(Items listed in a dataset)
· · · · ·
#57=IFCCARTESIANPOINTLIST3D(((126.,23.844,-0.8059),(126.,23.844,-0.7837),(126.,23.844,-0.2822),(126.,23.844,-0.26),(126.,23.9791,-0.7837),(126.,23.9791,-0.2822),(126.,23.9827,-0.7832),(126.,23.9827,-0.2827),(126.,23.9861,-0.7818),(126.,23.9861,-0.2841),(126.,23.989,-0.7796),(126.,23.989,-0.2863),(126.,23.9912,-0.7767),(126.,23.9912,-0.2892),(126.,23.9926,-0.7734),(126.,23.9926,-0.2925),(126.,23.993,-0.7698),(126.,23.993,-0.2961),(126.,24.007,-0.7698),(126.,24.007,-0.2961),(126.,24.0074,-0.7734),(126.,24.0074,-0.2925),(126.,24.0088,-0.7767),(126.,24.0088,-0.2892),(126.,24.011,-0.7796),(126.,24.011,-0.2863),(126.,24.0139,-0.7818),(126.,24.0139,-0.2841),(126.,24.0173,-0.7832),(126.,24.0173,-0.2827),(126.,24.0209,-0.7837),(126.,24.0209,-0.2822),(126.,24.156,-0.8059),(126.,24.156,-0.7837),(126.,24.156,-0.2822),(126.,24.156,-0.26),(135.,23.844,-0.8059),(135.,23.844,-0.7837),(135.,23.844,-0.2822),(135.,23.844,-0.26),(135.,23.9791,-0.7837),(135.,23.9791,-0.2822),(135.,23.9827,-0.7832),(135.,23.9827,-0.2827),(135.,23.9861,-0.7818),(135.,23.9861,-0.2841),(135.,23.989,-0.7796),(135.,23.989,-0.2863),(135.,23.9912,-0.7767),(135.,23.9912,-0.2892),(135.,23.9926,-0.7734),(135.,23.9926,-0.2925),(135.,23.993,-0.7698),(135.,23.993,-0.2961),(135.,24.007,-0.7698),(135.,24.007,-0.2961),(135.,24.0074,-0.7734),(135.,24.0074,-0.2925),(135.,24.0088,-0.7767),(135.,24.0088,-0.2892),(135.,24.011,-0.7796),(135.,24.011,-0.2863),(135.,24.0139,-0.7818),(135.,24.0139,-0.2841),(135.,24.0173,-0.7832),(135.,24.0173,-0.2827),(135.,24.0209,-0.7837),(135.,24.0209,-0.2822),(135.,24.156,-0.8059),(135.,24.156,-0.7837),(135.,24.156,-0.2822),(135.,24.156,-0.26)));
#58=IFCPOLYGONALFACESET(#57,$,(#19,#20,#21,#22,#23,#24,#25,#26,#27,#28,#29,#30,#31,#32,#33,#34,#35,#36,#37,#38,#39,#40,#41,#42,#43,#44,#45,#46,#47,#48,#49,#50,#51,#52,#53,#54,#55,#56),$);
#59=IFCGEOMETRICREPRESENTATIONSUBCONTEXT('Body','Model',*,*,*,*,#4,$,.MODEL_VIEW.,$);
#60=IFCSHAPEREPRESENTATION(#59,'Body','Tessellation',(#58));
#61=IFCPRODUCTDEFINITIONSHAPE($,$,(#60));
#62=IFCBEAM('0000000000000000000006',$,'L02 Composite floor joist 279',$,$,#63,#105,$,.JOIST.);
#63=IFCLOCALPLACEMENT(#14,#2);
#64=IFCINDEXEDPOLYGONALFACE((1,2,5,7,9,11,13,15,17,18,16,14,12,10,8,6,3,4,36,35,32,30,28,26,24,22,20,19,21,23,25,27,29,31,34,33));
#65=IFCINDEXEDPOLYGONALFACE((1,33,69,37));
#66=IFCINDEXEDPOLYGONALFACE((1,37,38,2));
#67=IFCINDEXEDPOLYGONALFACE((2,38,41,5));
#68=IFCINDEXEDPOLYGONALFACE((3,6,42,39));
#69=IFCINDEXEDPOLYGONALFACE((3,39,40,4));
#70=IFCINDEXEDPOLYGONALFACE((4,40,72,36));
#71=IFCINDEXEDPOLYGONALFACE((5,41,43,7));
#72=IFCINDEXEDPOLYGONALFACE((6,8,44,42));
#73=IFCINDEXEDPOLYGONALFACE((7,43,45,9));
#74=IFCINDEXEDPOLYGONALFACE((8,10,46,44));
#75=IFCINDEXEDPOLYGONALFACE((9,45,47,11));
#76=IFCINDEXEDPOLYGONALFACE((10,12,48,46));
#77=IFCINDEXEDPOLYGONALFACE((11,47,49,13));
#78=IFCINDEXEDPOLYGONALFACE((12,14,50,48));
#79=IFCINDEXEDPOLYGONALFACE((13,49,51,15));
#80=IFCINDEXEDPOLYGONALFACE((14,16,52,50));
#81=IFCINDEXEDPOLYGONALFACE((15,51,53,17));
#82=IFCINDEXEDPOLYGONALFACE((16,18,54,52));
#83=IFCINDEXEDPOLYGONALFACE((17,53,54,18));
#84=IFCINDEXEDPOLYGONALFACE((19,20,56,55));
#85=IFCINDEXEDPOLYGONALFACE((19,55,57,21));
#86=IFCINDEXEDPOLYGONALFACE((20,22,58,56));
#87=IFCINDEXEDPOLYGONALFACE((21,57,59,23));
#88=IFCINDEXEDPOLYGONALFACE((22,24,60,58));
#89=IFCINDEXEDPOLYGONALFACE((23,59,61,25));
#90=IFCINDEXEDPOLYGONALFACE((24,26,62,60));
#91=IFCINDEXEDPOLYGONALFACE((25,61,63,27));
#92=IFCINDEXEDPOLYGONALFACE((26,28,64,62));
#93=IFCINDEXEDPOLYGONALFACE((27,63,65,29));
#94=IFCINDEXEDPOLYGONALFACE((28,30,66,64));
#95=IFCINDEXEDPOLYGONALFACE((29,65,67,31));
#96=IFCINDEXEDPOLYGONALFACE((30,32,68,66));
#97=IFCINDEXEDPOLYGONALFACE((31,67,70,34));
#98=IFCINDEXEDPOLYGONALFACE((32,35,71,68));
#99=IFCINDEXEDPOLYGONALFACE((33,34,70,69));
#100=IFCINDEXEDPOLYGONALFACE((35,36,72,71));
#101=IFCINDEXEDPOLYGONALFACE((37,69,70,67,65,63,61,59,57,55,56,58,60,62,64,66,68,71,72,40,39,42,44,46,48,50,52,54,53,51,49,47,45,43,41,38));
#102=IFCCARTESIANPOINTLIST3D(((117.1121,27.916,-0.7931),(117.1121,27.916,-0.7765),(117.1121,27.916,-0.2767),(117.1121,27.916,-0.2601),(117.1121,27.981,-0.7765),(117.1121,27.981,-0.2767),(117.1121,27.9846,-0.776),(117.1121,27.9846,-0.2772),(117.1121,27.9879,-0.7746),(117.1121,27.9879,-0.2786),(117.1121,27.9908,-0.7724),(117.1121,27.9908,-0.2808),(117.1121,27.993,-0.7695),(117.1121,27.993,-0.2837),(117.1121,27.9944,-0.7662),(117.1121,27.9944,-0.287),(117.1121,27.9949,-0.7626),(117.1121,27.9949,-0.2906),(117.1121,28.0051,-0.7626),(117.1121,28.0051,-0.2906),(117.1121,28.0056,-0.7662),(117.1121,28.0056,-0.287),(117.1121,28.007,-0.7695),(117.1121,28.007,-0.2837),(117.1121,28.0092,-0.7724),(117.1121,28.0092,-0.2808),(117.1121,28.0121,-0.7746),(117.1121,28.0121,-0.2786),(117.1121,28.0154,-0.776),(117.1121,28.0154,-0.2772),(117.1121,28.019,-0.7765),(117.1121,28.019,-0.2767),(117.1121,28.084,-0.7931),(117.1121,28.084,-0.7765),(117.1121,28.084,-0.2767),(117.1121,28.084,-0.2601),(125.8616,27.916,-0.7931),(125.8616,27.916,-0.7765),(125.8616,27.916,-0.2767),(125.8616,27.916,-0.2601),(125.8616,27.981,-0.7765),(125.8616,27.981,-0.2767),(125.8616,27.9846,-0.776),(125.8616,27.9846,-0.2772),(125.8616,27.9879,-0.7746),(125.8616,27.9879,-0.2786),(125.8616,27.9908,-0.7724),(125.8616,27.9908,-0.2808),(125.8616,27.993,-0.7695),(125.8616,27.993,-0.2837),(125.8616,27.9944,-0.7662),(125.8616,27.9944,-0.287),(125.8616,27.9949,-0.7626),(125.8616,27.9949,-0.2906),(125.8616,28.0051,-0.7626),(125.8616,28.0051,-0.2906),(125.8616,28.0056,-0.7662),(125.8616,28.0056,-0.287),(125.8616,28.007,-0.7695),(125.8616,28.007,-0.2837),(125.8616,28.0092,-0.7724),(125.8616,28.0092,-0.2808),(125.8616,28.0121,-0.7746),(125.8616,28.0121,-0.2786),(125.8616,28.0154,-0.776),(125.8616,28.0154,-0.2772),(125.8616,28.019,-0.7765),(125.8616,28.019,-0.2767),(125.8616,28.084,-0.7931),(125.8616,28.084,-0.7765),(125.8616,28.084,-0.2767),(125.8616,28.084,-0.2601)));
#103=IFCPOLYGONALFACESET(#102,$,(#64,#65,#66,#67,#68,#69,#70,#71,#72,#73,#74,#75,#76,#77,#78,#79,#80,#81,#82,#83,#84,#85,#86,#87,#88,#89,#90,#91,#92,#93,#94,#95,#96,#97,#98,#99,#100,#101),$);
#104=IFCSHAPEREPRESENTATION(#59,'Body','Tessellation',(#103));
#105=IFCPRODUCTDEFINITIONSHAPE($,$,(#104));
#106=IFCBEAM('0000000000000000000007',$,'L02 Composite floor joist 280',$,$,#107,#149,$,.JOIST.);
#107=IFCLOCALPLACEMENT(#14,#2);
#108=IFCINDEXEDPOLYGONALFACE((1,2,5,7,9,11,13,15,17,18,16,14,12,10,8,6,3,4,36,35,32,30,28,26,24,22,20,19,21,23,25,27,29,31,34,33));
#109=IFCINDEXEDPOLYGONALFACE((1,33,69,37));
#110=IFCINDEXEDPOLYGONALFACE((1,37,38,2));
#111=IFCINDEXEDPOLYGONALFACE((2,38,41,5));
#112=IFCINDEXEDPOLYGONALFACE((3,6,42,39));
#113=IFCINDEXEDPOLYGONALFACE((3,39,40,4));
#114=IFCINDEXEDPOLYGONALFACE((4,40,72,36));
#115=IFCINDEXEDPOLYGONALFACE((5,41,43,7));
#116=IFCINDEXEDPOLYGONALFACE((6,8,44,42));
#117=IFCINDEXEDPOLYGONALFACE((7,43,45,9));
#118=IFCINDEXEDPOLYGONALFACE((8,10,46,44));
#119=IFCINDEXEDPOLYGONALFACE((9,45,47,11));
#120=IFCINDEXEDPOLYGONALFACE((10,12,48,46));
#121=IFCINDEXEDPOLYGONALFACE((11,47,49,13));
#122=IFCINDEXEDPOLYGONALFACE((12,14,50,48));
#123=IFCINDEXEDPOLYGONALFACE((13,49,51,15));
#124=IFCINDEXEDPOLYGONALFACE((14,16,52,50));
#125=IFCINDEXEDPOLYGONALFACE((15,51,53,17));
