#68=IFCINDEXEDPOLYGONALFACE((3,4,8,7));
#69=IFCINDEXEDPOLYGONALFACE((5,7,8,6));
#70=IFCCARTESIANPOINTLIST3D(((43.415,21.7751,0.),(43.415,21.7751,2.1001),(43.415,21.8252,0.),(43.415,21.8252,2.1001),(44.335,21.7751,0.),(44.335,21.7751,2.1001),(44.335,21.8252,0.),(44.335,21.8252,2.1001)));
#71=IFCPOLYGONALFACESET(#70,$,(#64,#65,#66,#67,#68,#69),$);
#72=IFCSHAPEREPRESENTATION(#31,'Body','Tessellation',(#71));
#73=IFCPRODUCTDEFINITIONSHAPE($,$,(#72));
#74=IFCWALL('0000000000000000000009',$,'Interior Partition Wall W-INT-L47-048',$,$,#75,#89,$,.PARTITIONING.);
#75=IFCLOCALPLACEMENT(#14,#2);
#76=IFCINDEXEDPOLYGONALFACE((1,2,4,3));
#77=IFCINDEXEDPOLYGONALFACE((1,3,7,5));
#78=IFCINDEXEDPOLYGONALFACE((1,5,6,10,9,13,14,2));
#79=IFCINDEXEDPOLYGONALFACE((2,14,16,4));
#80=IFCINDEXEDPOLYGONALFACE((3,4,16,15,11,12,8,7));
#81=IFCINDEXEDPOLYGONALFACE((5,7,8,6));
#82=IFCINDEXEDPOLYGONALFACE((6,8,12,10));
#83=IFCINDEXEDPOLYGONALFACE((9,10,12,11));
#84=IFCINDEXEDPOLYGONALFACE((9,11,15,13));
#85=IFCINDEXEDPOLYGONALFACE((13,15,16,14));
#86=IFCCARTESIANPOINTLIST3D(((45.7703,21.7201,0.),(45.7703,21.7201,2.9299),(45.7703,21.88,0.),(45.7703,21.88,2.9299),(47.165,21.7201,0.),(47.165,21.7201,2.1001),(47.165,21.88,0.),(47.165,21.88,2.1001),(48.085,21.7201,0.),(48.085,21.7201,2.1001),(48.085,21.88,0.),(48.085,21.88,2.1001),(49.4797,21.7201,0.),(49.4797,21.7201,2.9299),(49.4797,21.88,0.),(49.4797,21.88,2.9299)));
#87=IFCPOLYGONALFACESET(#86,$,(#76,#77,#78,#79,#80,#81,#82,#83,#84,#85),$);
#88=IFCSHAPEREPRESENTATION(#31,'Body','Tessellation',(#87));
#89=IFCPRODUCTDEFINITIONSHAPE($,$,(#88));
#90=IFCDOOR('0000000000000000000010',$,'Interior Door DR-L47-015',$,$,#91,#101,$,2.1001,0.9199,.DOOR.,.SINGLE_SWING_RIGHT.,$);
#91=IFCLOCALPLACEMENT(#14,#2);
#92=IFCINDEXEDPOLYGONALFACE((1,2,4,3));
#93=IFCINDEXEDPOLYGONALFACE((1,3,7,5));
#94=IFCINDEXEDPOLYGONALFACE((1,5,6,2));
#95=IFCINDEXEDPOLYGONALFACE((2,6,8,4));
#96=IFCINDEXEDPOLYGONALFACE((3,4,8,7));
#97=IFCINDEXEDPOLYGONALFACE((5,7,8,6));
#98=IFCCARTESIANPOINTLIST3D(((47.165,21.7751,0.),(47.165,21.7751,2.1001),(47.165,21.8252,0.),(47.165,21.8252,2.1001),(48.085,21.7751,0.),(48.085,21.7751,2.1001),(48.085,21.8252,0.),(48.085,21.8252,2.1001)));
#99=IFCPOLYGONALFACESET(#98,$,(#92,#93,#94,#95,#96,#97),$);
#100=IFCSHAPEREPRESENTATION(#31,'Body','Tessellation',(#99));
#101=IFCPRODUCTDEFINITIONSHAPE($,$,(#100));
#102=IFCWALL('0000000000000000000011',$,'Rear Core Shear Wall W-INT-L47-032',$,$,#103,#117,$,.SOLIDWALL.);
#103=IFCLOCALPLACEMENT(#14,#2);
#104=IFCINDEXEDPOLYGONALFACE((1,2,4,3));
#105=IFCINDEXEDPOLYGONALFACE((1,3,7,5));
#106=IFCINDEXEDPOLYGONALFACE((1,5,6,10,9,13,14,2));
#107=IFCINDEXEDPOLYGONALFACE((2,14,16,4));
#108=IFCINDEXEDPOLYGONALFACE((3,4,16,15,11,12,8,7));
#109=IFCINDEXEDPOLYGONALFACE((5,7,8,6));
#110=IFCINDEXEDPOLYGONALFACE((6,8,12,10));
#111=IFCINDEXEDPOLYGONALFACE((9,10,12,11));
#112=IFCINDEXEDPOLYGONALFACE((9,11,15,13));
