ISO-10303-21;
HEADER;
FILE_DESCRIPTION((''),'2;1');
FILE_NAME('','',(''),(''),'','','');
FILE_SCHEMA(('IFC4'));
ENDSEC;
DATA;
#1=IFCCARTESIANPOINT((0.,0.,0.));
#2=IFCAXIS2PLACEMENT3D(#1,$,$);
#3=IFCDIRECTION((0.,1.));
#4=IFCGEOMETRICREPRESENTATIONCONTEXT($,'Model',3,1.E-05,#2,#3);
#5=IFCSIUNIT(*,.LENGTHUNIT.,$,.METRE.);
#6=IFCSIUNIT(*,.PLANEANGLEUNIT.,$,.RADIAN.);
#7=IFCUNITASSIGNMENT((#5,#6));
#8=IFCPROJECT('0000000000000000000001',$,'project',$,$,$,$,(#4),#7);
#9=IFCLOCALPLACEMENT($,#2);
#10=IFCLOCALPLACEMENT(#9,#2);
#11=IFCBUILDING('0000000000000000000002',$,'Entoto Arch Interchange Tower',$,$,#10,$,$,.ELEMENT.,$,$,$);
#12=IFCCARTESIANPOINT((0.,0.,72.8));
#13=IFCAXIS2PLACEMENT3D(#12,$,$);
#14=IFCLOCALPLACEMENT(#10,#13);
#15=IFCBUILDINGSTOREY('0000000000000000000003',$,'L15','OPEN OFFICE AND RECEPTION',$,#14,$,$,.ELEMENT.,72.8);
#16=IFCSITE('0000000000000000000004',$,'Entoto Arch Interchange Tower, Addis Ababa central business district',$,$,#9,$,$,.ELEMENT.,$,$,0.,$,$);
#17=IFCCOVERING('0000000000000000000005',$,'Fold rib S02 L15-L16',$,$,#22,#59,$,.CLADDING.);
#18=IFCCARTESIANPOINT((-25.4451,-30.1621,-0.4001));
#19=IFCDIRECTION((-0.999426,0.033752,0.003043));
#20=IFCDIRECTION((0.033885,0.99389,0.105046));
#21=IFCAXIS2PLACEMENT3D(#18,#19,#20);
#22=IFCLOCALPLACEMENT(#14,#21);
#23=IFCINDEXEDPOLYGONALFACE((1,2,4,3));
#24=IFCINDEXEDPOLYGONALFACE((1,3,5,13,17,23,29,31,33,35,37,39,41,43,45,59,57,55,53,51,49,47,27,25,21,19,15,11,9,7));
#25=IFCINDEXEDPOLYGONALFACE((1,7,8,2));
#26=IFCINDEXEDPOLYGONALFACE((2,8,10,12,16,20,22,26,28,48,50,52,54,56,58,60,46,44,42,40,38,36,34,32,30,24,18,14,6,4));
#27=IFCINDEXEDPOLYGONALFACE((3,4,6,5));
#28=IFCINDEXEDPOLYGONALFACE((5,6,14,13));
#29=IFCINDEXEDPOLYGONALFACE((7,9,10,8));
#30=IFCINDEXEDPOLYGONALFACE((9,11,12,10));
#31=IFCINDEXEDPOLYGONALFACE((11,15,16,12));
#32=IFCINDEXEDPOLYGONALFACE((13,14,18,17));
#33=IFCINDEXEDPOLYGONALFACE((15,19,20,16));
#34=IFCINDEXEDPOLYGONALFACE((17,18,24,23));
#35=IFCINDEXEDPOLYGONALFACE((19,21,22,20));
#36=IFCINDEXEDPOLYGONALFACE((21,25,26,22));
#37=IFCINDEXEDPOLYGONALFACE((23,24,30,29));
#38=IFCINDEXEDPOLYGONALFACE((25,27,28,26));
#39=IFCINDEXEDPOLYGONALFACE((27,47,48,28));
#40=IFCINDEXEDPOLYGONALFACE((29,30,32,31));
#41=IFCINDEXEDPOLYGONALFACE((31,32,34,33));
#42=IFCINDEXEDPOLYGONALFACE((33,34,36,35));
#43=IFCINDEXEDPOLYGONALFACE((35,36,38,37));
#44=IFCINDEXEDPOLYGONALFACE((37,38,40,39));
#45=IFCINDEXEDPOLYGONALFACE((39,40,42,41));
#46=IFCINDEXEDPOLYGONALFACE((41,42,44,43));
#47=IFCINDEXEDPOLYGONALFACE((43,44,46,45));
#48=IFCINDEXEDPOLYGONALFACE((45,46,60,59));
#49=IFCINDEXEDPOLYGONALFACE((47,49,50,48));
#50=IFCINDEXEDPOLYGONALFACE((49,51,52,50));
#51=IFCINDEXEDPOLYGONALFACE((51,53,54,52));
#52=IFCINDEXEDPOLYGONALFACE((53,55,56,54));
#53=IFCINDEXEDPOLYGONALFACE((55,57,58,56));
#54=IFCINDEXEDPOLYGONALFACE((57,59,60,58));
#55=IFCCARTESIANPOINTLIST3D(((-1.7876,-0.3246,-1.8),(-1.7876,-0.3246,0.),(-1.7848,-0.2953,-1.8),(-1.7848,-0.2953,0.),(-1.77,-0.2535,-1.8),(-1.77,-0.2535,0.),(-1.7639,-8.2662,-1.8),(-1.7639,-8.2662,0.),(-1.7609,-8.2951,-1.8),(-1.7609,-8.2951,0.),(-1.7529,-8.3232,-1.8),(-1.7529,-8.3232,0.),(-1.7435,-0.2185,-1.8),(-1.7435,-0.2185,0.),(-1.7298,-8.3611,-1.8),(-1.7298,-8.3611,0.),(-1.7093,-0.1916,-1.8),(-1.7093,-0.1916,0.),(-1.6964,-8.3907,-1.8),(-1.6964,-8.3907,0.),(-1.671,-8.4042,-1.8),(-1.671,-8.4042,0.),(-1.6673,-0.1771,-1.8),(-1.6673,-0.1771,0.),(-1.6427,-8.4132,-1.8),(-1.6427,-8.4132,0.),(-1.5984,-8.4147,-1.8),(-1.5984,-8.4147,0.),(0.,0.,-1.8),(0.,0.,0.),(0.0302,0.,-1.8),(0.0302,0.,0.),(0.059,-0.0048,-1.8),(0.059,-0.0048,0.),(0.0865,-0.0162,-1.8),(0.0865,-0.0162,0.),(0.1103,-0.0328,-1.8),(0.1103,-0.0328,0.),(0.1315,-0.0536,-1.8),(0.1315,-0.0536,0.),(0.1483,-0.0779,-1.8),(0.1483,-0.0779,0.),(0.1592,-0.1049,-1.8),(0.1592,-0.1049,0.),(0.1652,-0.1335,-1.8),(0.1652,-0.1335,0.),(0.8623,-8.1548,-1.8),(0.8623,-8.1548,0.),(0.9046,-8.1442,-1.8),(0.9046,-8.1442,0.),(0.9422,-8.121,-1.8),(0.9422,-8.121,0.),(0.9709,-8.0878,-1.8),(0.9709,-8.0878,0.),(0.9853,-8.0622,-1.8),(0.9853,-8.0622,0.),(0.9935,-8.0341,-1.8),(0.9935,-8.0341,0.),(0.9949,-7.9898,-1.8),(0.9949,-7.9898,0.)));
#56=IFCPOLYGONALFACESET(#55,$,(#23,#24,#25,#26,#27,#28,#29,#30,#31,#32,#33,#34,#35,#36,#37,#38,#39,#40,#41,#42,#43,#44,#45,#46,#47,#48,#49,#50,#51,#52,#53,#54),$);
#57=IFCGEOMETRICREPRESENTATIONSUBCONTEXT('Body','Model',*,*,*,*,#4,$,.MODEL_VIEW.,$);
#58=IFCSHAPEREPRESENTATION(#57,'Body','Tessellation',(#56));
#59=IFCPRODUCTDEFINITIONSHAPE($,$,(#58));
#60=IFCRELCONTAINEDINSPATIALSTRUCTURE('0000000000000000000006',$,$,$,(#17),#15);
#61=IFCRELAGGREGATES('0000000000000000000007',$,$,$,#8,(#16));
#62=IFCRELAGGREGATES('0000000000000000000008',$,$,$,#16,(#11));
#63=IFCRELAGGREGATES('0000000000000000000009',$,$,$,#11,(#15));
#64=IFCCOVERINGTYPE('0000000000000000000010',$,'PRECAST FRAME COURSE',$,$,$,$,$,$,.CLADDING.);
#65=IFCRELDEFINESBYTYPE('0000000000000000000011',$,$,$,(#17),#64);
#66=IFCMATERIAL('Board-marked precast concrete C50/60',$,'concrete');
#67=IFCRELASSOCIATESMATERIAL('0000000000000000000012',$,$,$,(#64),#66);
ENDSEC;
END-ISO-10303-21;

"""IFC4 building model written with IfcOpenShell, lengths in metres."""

from ifc_helpers import new_model, si_unit, direction, frame, origin, place, context, subcontext, project, spatial, polyline, outline, extrude, material, type_object, element, save


model = new_model("IFC4")

# Units and contexts
model_context = context("Model", 3, precision=1e-05, world=origin(), true_north=direction((0.0, 1.0)))
body_context = subcontext(model_context, "Body", "Model", "MODEL_VIEW")
ifc_project = project(units=[si_unit("LENGTHUNIT", "METRE"), si_unit("PLANEANGLEUNIT", "RADIAN")], contexts=[model_context])

# Site, building, storey
site_placement = place(None, origin())
site = spatial("IfcSite", under=ifc_project, at=site_placement, Name="Entoto Arch Interchange Tower, Addis Ababa central business district", CompositionType="ELEMENT", RefElevation=0.0)
building_placement = place(site_placement, origin())
building = spatial("IfcBuilding", under=site, at=building_placement, Name="Entoto Arch Interchange Tower", CompositionType="ELEMENT")
storey_placement = place(building_placement, frame((0.0, 0.0, 72.8)))
storey = spatial("IfcBuildingStorey", under=building, at=storey_placement, Name="L15", Description="OPEN OFFICE AND RECEPTION", CompositionType="ELEMENT", Elevation=72.8)

# Covering
ifc_material_1 = material(Name="Board-marked precast concrete C50/60", Category="concrete")
covering_type = type_object("IfcCoveringType", Name="PRECAST FRAME COURSE", PredefinedType="CLADDING", material=ifc_material_1)
covering_placement = place(storey_placement, frame((-25.4451, -30.1621, -0.4001), z_axis=(-0.999426, 0.033752, 0.003043), x_axis=(0.033885, 0.99389, 0.105046)))
element("IfcCovering", 1, at=covering_placement, inside=storey, type_object=covering_type, Name="Fold rib S02 L15-L16", PredefinedType="CLADDING", context=body_context, shape_type="SweptSolid", body=[
    extrude(outline(polyline([(0.0, 0.0), (0.0302, 0.0), (0.059, -0.0048), (0.0865, -0.0162), (0.1103, -0.0328), (0.1315, -0.0536), (0.1483, -0.0779), (0.1592, -0.1049), (0.1652, -0.1335), (0.9949, -7.9898), (0.9935, -8.0341), (0.9853, -8.0622), (0.9709, -8.0878), (0.9422, -8.121), (0.9046, -8.1442), (0.8623, -8.1548), (-1.5984, -8.4147), (-1.6427, -8.4132), (-1.671, -8.4042), (-1.6964, -8.3907), (-1.7298, -8.3611), (-1.7529, -8.3232), (-1.7609, -8.2951), (-1.7639, -8.2662), (-1.7876, -0.3246), (-1.7848, -0.2953), (-1.77, -0.2535), (-1.7435, -0.2185), (-1.7093, -0.1916), (-1.6673, -0.1771), (0.0, 0.0)])), origin(), (0.0, 0.0, -1.0), 1.8),
])

save(model, "model.ifc")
· · · · ·
PROBLEM TO SOLVE
All lines above between those holding "#71=IFCPOLYGONALFACESET(#70,$,(#64,#65,#66,#67,#68,#69),$);" and "#101=IFCPRODUCTDEFINITIONSHAPE($,$,(#100));", inclusive, must be set down unchanged, and no other line may be included.

ANSWER BOX
#71=IFCPOLYGONALFACESET(#70,$,(#64,#65,#66,#67,#68,#69),$);
#72=IFCSHAPEREPRESENTATION(#31,'Body','Tessellation',(#71));
#73=IFCPRODUCTDEFINITIONSHAPE($,$,(#72));
#74=IFCWALL('0000000000000000000009',$,'Interior Partition Wall W-INT-L47-048',$,$,#75,#89,$,.PARTITIONING.);
#75=IFCLOCALPLACEMENT(#14,#2);
#76=IFCINDEXEDPOLYGONALFACE((1,2,4,3));
#77=IFCINDEXEDPOLYGONALFACE((1,3,7,5));
#78=IFCINDEXEDPOLYGONALFACE((1,5,6,10,9,13,14,2));
#79=IFCINDEXEDPOLYGONALFACE((2,14,16,4));
#80=IFCINDEXEDPOLYGONALFACE((3,4,16,15,11,12,8,7));
#81=IFCINDEXEDPOLYGONALFACE((5,7,8,6));
#82=IFCINDEXEDPOLYGONALFACE((6,8,12,10));
#83=IFCINDEXEDPOLYGONALFACE((9,10,12,11));
#84=IFCINDEXEDPOLYGONALFACE((9,11,15,13));
#85=IFCINDEXEDPOLYGONALFACE((13,15,16,14));
#86=IFCCARTESIANPOINTLIST3D(((45.7703,21.7201,0.),(45.7703,21.7201,2.9299),(45.7703,21.88,0.),(45.7703,21.88,2.9299),(47.165,21.7201,0.),(47.165,21.7201,2.1001),(47.165,21.88,0.),(47.165,21.88,2.1001),(48.085,21.7201,0.),(48.085,21.7201,2.1001),(48.085,21.88,0.),(48.085,21.88,2.1001),(49.4797,21.7201,0.),(49.4797,21.7201,2.9299),(49.4797,21.88,0.),(49.4797,21.88,2.9299)));
#87=IFCPOLYGONALFACESET(#86,$,(#76,#77,#78,#79,#80,#81,#82,#83,#84,#85),$);
#88=IFCSHAPEREPRESENTATION(#31,'Body','Tessellation',(#87));
#89=IFCPRODUCTDEFINITIONSHAPE($,$,(#88));
#90=IFCDOOR('0000000000000000000010',$,'Interior Door DR-L47-015',$,$,#91,#101,$,2.1001,0.9199,.DOOR.,.SINGLE_SWING_RIGHT.,$);
#91=IFCLOCALPLACEMENT(#14,#2);
#92=IFCINDEXEDPOLYGONALFACE((1,2,4,3));
#93=IFCINDEXEDPOLYGONALFACE((1,3,7,5));
#94=IFCINDEXEDPOLYGONALFACE((1,5,6,2));
#95=IFCINDEXEDPOLYGONALFACE((2,6,8,4));
#96=IFCINDEXEDPOLYGONALFACE((3,4,8,7));
#97=IFCINDEXEDPOLYGONALFACE((5,7,8,6));
#98=IFCCARTESIANPOINTLIST3D(((47.165,21.7751,0.),(47.165,21.7751,2.1001),(47.165,21.8252,0.),(47.165,21.8252,2.1001),(48.085,21.7751,0.),(48.085,21.7751,2.1001),(48.085,21.8252,0.),(48.085,21.8252,2.1001)));
#99=IFCPOLYGONALFACESET(#98,$,(#92,#93,#94,#95,#96,#97),$);
#100=IFCSHAPEREPRESENTATION(#31,'Body','Tessellation',(#99));
#101=IFCPRODUCTDEFINITIONSHAPE($,$,(#100));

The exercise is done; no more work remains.